╭──

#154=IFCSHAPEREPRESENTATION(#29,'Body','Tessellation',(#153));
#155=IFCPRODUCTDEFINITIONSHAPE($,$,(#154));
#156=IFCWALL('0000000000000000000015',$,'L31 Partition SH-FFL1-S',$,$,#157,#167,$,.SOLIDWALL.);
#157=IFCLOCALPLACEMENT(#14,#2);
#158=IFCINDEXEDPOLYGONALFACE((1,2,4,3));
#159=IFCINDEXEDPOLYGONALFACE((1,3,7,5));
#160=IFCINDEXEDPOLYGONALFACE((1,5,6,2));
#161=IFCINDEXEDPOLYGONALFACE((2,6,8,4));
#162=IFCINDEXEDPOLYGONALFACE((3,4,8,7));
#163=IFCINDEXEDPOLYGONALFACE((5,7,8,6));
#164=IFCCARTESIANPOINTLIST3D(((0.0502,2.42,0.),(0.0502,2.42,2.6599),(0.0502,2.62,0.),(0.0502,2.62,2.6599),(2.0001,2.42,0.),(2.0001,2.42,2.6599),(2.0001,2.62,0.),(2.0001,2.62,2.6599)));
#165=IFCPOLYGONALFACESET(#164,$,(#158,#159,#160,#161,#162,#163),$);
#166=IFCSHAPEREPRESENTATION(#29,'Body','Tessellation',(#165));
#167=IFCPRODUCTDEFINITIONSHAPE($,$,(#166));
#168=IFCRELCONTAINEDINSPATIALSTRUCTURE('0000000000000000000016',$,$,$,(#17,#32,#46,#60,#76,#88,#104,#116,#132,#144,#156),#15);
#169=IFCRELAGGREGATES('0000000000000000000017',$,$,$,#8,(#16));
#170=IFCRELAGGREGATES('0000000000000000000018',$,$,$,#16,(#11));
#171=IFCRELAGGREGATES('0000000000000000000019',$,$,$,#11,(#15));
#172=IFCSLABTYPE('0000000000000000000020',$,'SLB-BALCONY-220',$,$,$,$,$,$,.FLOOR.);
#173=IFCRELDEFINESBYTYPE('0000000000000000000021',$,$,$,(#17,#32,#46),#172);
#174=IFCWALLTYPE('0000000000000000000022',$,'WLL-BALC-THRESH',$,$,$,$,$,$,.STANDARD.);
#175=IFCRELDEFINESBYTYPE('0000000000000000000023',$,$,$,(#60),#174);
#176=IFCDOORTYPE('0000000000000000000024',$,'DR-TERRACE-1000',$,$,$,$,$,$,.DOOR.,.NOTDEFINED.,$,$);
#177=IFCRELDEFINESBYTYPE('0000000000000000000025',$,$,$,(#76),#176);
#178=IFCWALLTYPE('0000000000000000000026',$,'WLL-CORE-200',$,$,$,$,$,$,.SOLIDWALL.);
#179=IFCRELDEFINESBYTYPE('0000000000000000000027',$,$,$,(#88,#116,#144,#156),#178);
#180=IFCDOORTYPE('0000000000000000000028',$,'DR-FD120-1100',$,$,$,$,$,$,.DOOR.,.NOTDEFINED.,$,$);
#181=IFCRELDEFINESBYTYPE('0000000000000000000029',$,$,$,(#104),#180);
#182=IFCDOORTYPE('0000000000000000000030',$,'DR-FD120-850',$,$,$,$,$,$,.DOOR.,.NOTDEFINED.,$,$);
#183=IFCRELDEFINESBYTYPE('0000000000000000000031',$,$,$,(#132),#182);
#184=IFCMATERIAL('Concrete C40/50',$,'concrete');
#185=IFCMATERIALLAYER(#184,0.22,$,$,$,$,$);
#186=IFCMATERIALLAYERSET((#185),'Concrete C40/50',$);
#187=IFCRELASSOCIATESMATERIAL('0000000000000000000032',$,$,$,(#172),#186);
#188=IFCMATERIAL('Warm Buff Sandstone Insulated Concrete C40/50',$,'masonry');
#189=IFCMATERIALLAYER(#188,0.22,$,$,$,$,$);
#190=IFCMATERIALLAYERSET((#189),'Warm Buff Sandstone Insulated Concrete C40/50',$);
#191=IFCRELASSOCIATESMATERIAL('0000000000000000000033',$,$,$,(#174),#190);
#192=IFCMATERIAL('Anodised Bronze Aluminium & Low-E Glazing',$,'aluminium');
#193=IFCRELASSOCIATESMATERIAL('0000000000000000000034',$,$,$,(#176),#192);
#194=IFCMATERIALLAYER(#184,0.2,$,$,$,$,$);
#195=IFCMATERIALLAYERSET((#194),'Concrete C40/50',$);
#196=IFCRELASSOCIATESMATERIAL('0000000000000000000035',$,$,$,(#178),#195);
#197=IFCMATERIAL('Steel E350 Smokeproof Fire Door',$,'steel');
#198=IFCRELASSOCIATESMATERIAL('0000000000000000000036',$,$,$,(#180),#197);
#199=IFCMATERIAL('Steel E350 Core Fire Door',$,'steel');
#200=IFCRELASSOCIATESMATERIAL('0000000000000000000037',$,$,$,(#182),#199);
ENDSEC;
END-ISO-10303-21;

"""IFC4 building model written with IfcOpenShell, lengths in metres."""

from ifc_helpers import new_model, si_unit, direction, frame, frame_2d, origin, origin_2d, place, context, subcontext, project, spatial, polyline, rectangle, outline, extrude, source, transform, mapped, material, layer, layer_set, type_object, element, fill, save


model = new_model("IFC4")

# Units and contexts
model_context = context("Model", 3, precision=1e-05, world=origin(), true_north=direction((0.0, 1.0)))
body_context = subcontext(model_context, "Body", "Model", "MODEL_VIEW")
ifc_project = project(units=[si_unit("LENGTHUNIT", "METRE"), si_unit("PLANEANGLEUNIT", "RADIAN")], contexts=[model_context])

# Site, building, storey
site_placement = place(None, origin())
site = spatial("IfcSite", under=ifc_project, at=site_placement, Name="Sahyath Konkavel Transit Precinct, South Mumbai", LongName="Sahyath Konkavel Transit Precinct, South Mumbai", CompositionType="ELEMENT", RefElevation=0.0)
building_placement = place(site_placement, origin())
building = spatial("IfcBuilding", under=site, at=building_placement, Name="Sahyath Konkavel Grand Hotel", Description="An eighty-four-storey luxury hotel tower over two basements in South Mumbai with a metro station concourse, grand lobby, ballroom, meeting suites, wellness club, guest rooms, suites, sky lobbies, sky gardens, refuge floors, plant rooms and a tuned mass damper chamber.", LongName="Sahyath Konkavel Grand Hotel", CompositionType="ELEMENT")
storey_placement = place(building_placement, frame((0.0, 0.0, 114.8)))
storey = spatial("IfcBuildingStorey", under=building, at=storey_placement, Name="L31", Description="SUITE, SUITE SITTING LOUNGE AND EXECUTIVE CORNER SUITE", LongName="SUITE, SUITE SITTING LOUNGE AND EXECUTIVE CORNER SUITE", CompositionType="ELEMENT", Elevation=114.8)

╰──

## [Problem details]
Line by line, please copy the listing exactly.

## [Problem solution]
#154=IFCSHAPEREPRESENTATION(#29,'Body','Tessellation',(#153));
#155=IFCPRODUCTDEFINITIONSHAPE($,$,(#154));
#156=IFCWALL('0000000000000000000015',$,'L31 Partition SH-FFL1-S',$,$,#157,#167,$,.SOLIDWALL.);
#157=IFCLOCALPLACEMENT(#14,#2);
#158=IFCINDEXEDPOLYGONALFACE((1,2,4,3));
#159=IFCINDEXEDPOLYGONALFACE((1,3,7,5));
#160=IFCINDEXEDPOLYGONALFACE((1,5,6,2));
#161=IFCINDEXEDPOLYGONALFACE((2,6,8,4));
#162=IFCINDEXEDPOLYGONALFACE((3,4,8,7));
#163=IFCINDEXEDPOLYGONALFACE((5,7,8,6));
#164=IFCCARTESIANPOINTLIST3D(((0.0502,2.42,0.),(0.0502,2.42,2.6599),(0.0502,2.62,0.),(0.0502,2.62,2.6599),(2.0001,2.42,0.),(2.0001,2.42,2.6599),(2.0001,2.62,0.),(2.0001,2.62,2.6599)));
#165=IFCPOLYGONALFACESET(#164,$,(#158,#159,#160,#161,#162,#163),$);
#166=IFCSHAPEREPRESENTATION(#29,'Body','Tessellation',(#165));
#167=IFCPRODUCTDEFINITIONSHAPE($,$,(#166));
#168=IFCRELCONTAINEDINSPATIALSTRUCTURE('0000000000000000000016',$,$,$,(#17,#32,#46,#60,#76,#88,#104,#116,#132,#144,#156),#15);
#169=IFCRELAGGREGATES('0000000000000000000017',$,$,$,#8,(#16));
#170=IFCRELAGGREGATES('0000000000000000000018',$,$,$,#16,(#11));
#171=IFCRELAGGREGATES('0000000000000000000019',$,$,$,#11,(#15));
#172=IFCSLABTYPE('0000000000000000000020',$,'SLB-BALCONY-220',$,$,$,$,$,$,.FLOOR.);
#173=IFCRELDEFINESBYTYPE('0000000000000000000021',$,$,$,(#17,#32,#46),#172);
#174=IFCWALLTYPE('0000000000000000000022',$,'WLL-BALC-THRESH',$,$,$,$,$,$,.STANDARD.);
#175=IFCRELDEFINESBYTYPE('0000000000000000000023',$,$,$,(#60),#174);
#176=IFCDOORTYPE('0000000000000000000024',$,'DR-TERRACE-1000',$,$,$,$,$,$,.DOOR.,.NOTDEFINED.,$,$);
#177=IFCRELDEFINESBYTYPE('0000000000000000000025',$,$,$,(#76),#176);
#178=IFCWALLTYPE('0000000000000000000026',$,'WLL-CORE-200',$,$,$,$,$,$,.SOLIDWALL.);
#179=IFCRELDEFINESBYTYPE('0000000000000000000027',$,$,$,(#88,#116,#144,#156),#178);
#180=IFCDOORTYPE('0000000000000000000028',$,'DR-FD120-1100',$,$,$,$,$,$,.DOOR.,.NOTDEFINED.,$,$);
#181=IFCRELDEFINESBYTYPE('0000000000000000000029',$,$,$,(#104),#180);
#182=IFCDOORTYPE('0000000000000000000030',$,'DR-FD120-850',$,$,$,$,$,$,.DOOR.,.NOTDEFINED.,$,$);
#183=IFCRELDEFINESBYTYPE('0000000000000000000031',$,$,$,(#132),#182);
#184=IFCMATERIAL('Concrete C40/50',$,'concrete');
#185=IFCMATERIALLAYER(#184,0.22,$,$,$,$,$);
#186=IFCMATERIALLAYERSET((#185),'Concrete C40/50',$);
#187=IFCRELASSOCIATESMATERIAL('0000000000000000000032',$,$,$,(#172),#186);
#188=IFCMATERIAL('Warm Buff Sandstone Insulated Concrete C40/50',$,'masonry');
#189=IFCMATERIALLAYER(#188,0.22,$,$,$,$,$);
#190=IFCMATERIALLAYERSET((#189),'Warm Buff Sandstone Insulated Concrete C40/50',$);
#191=IFCRELASSOCIATESMATERIAL('0000000000000000000033',$,$,$,(#174),#190);
#192=IFCMATERIAL('Anodised Bronze Aluminium & Low-E Glazing',$,'aluminium');
#193=IFCRELASSOCIATESMATERIAL('0000000000000000000034',$,$,$,(#176),#192);
#194=IFCMATERIALLAYER(#184,0.2,$,$,$,$,$);
#195=IFCMATERIALLAYERSET((#194),'Concrete C40/50',$);
#196=IFCRELASSOCIATESMATERIAL('0000000000000000000035',$,$,$,(#178),#195);
#197=IFCMATERIAL('Steel E350 Smokeproof Fire Door',$,'steel');
#198=IFCRELASSOCIATESMATERIAL('0000000000000000000036',$,$,$,(#180),#197);
#199=IFCMATERIAL('Steel E350 Core Fire Door',$,'steel');
#200=IFCRELASSOCIATESMATERIAL('0000000000000000000037',$,$,$,(#182),#199);
ENDSEC;
END-ISO-10303-21;

"""IFC4 building model written with IfcOpenShell, lengths in metres."""

from ifc_helpers import new_model, si_unit, direction, frame, frame_2d, origin, origin_2d, place, context, subcontext, project, spatial, polyline, rectangle, outline, extrude, source, transform, mapped, material, layer, layer_set, type_object, element, fill, save


model = new_model("IFC4")

# Units and contexts
model_context = context("Model", 3, precision=1e-05, world=origin(), true_north=direction((0.0, 1.0)))
body_context = subcontext(model_context, "Body", "Model", "MODEL_VIEW")
ifc_project = project(units=[si_unit("LENGTHUNIT", "METRE"), si_unit("PLANEANGLEUNIT", "RADIAN")], contexts=[model_context])

# Site, building, storey
site_placement = place(None, origin())
site = spatial("IfcSite", under=ifc_project, at=site_placement, Name="Sahyath Konkavel Transit Precinct, South Mumbai", LongName="Sahyath Konkavel Transit Precinct, South Mumbai", CompositionType="ELEMENT", RefElevation=0.0)
building_placement = place(site_placement, origin())
building = spatial("IfcBuilding", under=site, at=building_placement, Name="Sahyath Konkavel Grand Hotel", Description="An eighty-four-storey luxury hotel tower over two basements in South Mumbai with a metro station concourse, grand lobby, ballroom, meeting suites, wellness club, guest rooms, suites, sky lobbies, sky gardens, refuge floors, plant rooms and a tuned mass damper chamber.", LongName="Sahyath Konkavel Grand Hotel", CompositionType="ELEMENT")
storey_placement = place(building_placement, frame((0.0, 0.0, 114.8)))
storey = spatial("IfcBuildingStorey", under=building, at=storey_placement, Name="L31", Description="SUITE, SUITE SITTING LOUNGE AND EXECUTIVE CORNER SUITE", LongName="SUITE, SUITE SITTING LOUNGE AND EXECUTIVE CORNER SUITE", CompositionType="ELEMENT", Elevation=114.8)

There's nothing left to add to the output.